BEGIN Material supplied

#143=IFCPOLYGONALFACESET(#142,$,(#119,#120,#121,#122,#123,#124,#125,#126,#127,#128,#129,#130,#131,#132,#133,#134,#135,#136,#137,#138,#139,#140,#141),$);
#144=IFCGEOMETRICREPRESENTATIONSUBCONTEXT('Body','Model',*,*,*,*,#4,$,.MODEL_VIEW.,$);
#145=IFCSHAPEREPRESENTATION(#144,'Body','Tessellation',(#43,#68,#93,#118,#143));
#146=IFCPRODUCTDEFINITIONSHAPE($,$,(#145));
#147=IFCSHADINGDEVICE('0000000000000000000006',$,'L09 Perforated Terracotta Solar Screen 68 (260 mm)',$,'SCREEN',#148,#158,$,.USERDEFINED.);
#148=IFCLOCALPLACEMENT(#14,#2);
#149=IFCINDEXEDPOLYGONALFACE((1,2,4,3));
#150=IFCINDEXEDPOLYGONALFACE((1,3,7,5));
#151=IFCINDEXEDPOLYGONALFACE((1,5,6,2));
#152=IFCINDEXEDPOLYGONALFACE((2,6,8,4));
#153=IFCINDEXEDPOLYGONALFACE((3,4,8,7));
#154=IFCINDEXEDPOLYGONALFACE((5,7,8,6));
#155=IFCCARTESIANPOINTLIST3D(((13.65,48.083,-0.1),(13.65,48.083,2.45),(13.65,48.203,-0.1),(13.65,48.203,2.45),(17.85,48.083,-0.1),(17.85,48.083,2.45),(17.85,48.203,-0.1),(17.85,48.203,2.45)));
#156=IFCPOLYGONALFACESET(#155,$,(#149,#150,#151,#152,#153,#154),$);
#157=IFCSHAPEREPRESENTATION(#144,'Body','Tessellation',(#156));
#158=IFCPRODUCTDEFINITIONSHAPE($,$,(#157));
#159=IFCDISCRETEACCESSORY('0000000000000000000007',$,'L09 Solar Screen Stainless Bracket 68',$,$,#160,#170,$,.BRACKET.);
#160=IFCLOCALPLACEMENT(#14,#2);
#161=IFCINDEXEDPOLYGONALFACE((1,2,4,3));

END Material supplied

An exact transcription of all the records is needed.

#143=IFCPOLYGONALFACESET(#142,$,(#119,#120,#121,#122,#123,#124,#125,#126,#127,#128,#129,#130,#131,#132,#133,#134,#135,#136,#137,#138,#139,#140,#141),$);
#144=IFCGEOMETRICREPRESENTATIONSUBCONTEXT('Body','Model',*,*,*,*,#4,$,.MODEL_VIEW.,$);
#145=IFCSHAPEREPRESENTATION(#144,'Body','Tessellation',(#43,#68,#93,#118,#143));
#146=IFCPRODUCTDEFINITIONSHAPE($,$,(#145));
#147=IFCSHADINGDEVICE('0000000000000000000006',$,'L09 Perforated Terracotta Solar Screen 68 (260 mm)',$,'SCREEN',#148,#158,$,.USERDEFINED.);
#148=IFCLOCALPLACEMENT(#14,#2);
#149=IFCINDEXEDPOLYGONALFACE((1,2,4,3));
#150=IFCINDEXEDPOLYGONALFACE((1,3,7,5));
#151=IFCINDEXEDPOLYGONALFACE((1,5,6,2));
#152=IFCINDEXEDPOLYGONALFACE((2,6,8,4));
#153=IFCINDEXEDPOLYGONALFACE((3,4,8,7));
#154=IFCINDEXEDPOLYGONALFACE((5,7,8,6));
#155=IFCCARTESIANPOINTLIST3D(((13.65,48.083,-0.1),(13.65,48.083,2.45),(13.65,48.203,-0.1),(13.65,48.203,2.45),(17.85,48.083,-0.1),(17.85,48.083,2.45),(17.85,48.203,-0.1),(17.85,48.203,2.45)));
#156=IFCPOLYGONALFACESET(#155,$,(#149,#150,#151,#152,#153,#154),$);
#157=IFCSHAPEREPRESENTATION(#144,'Body','Tessellation',(#156));
#158=IFCPRODUCTDEFINITIONSHAPE($,$,(#157));
#159=IFCDISCRETEACCESSORY('0000000000000000000007',$,'L09 Solar Screen Stainless Bracket 68',$,$,#160,#170,$,.BRACKET.);
#160=IFCLOCALPLACEMENT(#14,#2);
#161=IFCINDEXEDPOLYGONALFACE((1,2,4,3));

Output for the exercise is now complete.